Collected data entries
————————
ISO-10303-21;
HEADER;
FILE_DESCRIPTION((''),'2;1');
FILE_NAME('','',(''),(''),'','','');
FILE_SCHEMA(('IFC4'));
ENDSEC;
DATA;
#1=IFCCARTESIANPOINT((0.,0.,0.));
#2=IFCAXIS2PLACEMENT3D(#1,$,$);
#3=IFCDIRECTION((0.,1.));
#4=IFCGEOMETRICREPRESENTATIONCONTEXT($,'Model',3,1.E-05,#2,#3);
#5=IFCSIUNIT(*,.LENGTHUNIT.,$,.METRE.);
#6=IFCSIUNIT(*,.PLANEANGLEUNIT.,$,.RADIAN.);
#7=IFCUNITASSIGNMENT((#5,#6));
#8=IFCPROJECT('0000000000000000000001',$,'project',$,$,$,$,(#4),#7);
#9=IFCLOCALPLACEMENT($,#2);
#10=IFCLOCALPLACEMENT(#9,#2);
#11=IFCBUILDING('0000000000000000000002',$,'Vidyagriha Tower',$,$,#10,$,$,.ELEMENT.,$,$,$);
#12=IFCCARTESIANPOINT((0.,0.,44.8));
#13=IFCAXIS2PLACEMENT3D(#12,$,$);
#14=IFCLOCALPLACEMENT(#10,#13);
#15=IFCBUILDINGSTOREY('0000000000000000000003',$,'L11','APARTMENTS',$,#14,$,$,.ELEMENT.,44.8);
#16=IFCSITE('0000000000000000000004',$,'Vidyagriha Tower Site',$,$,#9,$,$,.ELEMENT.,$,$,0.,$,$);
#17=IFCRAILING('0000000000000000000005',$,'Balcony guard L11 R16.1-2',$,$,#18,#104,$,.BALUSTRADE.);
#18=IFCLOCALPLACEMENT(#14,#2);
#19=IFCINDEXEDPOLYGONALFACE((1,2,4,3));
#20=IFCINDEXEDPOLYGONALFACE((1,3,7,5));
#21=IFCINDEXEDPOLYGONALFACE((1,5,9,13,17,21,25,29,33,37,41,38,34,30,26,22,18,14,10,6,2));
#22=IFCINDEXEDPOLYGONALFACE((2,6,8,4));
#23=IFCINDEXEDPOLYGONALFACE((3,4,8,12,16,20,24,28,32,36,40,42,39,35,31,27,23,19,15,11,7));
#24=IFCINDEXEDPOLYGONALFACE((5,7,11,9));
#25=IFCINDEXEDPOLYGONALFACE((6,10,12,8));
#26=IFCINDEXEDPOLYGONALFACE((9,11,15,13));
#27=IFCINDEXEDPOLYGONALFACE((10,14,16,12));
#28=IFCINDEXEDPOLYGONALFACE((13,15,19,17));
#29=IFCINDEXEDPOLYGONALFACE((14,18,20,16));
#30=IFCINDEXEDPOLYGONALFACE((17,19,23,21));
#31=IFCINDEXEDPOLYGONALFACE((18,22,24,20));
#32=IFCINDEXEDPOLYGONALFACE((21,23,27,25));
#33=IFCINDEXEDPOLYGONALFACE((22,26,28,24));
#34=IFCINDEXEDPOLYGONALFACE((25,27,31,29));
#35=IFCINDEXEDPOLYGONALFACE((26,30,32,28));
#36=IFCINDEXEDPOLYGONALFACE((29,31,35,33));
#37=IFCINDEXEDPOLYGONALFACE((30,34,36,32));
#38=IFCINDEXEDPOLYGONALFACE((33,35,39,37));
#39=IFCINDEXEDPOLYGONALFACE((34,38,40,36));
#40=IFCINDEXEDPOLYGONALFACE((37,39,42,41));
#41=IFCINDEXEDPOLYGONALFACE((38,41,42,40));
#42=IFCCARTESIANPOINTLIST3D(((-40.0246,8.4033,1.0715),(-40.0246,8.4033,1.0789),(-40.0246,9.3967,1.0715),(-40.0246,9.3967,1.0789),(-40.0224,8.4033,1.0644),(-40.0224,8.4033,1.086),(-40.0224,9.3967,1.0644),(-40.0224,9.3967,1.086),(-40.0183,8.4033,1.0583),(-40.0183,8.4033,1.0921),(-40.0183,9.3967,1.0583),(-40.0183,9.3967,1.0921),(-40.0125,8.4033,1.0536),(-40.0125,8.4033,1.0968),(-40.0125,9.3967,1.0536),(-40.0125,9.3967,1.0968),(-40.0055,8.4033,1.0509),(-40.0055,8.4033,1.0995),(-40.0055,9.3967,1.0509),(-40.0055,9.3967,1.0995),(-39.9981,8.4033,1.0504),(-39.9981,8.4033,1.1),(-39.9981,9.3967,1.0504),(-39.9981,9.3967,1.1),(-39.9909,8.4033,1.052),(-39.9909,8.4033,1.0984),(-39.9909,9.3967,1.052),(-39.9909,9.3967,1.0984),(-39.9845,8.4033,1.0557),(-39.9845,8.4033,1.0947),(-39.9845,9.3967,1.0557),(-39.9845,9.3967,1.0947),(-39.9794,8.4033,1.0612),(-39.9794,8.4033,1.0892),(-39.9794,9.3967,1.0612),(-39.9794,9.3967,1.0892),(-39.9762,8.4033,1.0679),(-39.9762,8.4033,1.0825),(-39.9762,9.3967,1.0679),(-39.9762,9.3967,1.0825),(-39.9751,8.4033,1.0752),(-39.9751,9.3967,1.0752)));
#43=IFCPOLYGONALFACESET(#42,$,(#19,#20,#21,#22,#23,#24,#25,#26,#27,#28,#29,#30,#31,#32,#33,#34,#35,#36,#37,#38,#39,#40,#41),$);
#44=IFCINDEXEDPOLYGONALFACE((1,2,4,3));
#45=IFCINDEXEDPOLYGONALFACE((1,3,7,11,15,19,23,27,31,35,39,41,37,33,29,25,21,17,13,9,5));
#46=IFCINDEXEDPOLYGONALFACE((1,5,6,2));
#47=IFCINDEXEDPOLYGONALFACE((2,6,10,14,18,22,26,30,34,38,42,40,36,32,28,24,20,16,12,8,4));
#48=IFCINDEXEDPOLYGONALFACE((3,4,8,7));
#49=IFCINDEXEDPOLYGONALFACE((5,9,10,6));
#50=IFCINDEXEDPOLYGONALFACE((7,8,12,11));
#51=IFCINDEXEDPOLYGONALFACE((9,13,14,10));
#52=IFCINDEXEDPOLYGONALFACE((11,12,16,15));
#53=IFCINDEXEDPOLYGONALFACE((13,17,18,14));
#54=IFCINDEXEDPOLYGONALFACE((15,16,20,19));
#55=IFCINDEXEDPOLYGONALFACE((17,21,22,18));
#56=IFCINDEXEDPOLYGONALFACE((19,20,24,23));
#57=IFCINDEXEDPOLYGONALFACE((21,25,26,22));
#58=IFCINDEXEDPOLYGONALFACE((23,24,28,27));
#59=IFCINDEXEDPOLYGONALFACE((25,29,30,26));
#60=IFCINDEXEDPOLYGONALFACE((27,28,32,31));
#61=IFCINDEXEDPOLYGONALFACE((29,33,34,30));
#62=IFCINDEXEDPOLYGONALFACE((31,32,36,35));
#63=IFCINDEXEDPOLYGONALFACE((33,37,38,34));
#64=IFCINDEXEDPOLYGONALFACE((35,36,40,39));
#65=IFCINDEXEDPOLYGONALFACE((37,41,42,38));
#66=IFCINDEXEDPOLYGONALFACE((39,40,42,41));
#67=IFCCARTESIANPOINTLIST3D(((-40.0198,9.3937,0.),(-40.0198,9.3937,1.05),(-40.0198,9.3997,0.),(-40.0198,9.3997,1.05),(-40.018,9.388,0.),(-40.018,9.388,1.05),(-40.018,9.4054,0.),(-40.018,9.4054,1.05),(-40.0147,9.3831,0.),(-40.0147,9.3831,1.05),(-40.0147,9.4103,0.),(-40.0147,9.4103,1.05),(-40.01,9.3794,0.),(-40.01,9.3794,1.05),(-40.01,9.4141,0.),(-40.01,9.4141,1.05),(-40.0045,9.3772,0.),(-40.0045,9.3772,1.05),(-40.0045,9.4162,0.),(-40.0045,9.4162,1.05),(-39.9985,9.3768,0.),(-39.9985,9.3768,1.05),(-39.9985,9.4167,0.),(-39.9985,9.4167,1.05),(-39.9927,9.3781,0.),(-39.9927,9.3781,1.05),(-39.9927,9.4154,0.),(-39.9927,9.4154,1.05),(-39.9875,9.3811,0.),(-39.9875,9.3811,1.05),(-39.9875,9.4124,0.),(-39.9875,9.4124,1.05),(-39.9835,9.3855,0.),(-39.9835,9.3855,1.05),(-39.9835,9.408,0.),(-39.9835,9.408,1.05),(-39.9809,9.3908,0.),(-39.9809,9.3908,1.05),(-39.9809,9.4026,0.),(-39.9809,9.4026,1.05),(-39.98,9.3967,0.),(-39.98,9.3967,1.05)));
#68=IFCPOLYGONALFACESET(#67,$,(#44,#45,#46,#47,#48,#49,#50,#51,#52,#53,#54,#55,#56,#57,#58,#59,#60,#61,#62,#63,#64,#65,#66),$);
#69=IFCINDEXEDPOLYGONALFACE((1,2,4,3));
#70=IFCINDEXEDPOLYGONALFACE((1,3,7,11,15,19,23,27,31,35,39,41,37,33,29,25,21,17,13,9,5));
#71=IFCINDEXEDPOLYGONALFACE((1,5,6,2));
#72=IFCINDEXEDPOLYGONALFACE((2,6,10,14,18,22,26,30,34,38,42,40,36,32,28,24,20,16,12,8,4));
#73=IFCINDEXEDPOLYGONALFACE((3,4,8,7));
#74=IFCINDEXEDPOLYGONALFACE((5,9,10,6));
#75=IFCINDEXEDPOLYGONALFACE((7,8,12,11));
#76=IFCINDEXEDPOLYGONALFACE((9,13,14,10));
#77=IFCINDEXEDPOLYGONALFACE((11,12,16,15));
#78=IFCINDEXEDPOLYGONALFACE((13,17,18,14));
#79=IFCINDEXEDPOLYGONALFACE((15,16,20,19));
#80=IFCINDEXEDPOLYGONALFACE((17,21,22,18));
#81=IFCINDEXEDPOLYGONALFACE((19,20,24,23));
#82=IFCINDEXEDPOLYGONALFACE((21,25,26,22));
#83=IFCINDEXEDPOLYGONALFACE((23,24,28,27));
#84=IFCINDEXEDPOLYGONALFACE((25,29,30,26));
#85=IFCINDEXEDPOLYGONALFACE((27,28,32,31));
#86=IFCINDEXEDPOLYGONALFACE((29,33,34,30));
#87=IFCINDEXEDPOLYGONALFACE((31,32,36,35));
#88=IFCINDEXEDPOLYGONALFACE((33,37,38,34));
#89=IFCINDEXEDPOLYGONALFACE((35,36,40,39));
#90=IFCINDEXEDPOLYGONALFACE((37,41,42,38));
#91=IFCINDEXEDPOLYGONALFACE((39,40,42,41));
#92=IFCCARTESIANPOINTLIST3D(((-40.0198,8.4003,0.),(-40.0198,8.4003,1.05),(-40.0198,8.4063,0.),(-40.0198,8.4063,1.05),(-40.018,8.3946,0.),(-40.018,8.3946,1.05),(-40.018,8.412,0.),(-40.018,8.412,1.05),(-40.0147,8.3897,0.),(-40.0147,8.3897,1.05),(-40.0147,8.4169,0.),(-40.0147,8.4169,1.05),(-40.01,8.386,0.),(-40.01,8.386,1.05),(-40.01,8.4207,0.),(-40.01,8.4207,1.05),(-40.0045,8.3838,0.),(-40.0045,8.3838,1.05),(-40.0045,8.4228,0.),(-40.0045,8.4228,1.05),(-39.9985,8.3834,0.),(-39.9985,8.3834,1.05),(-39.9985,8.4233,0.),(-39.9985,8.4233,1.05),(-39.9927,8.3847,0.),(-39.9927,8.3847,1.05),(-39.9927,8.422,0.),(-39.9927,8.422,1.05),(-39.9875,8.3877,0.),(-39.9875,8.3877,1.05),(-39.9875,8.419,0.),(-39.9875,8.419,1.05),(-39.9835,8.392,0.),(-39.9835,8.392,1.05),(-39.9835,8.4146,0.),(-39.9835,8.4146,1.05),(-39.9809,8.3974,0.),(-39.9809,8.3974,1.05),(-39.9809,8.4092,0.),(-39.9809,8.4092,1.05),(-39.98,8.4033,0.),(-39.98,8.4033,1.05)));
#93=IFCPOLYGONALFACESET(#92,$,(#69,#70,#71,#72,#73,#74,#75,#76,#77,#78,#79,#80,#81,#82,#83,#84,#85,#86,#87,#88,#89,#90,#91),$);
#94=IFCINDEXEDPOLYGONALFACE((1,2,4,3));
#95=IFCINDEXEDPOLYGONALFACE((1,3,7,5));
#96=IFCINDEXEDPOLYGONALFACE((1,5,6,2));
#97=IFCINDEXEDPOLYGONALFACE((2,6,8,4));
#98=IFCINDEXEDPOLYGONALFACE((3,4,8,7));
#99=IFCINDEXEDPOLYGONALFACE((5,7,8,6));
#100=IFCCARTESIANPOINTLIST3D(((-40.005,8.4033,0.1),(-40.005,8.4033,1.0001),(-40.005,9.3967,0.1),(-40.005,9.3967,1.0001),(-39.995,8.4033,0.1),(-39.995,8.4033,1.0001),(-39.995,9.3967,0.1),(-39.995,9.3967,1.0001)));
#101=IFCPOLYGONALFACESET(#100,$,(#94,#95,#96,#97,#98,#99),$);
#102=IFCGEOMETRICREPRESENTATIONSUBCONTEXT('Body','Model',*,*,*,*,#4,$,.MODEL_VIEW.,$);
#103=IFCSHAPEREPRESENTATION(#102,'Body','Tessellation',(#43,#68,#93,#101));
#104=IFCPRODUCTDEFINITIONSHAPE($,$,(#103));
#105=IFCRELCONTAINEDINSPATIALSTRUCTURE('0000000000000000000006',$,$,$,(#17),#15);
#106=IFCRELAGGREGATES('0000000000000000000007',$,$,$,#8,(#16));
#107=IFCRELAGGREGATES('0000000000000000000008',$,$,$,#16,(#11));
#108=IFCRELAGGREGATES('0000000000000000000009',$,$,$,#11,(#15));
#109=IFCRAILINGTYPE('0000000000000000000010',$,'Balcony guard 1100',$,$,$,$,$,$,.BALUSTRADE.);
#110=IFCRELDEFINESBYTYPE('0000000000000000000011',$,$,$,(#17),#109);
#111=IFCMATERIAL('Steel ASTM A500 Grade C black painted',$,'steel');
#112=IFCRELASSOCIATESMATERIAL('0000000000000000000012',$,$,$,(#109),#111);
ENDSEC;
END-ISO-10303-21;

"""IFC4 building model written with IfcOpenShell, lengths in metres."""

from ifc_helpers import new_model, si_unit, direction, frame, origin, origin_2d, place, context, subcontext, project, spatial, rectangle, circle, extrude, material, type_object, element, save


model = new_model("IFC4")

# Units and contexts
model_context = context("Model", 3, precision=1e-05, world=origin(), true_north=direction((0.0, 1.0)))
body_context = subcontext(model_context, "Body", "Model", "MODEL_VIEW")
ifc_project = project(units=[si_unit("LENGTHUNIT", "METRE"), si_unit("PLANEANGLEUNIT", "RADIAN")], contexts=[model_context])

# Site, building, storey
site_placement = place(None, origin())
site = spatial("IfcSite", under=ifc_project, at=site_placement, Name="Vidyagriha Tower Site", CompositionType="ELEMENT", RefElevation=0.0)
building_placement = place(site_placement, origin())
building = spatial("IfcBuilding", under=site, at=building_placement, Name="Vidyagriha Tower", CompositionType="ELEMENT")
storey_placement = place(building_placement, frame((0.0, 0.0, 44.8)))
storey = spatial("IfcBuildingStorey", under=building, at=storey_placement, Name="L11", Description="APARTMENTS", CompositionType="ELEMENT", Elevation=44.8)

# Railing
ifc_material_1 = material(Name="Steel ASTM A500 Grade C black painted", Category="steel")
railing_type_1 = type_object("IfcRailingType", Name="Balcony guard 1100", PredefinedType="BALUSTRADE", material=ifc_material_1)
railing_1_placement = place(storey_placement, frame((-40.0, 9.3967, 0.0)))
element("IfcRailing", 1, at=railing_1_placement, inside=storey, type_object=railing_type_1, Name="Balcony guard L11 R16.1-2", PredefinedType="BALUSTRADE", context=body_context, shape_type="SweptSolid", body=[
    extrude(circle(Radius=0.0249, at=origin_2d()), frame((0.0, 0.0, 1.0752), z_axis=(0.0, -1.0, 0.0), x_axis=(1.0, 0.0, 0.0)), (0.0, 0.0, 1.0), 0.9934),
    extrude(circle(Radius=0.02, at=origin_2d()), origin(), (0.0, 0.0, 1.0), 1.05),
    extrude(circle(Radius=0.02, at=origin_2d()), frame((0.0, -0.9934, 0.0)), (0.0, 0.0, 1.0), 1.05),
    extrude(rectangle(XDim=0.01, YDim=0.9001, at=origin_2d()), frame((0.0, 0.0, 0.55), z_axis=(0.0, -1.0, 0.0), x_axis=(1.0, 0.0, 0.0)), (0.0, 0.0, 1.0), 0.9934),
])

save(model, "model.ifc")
————————
| Exercise details |
Using the records above, copy each line that contains "IFCSIUNIT".

| Task response |
#5=IFCSIUNIT(*,.LENGTHUNIT.,$,.METRE.);
#6=IFCSIUNIT(*,.PLANEANGLEUNIT.,$,.RADIAN.);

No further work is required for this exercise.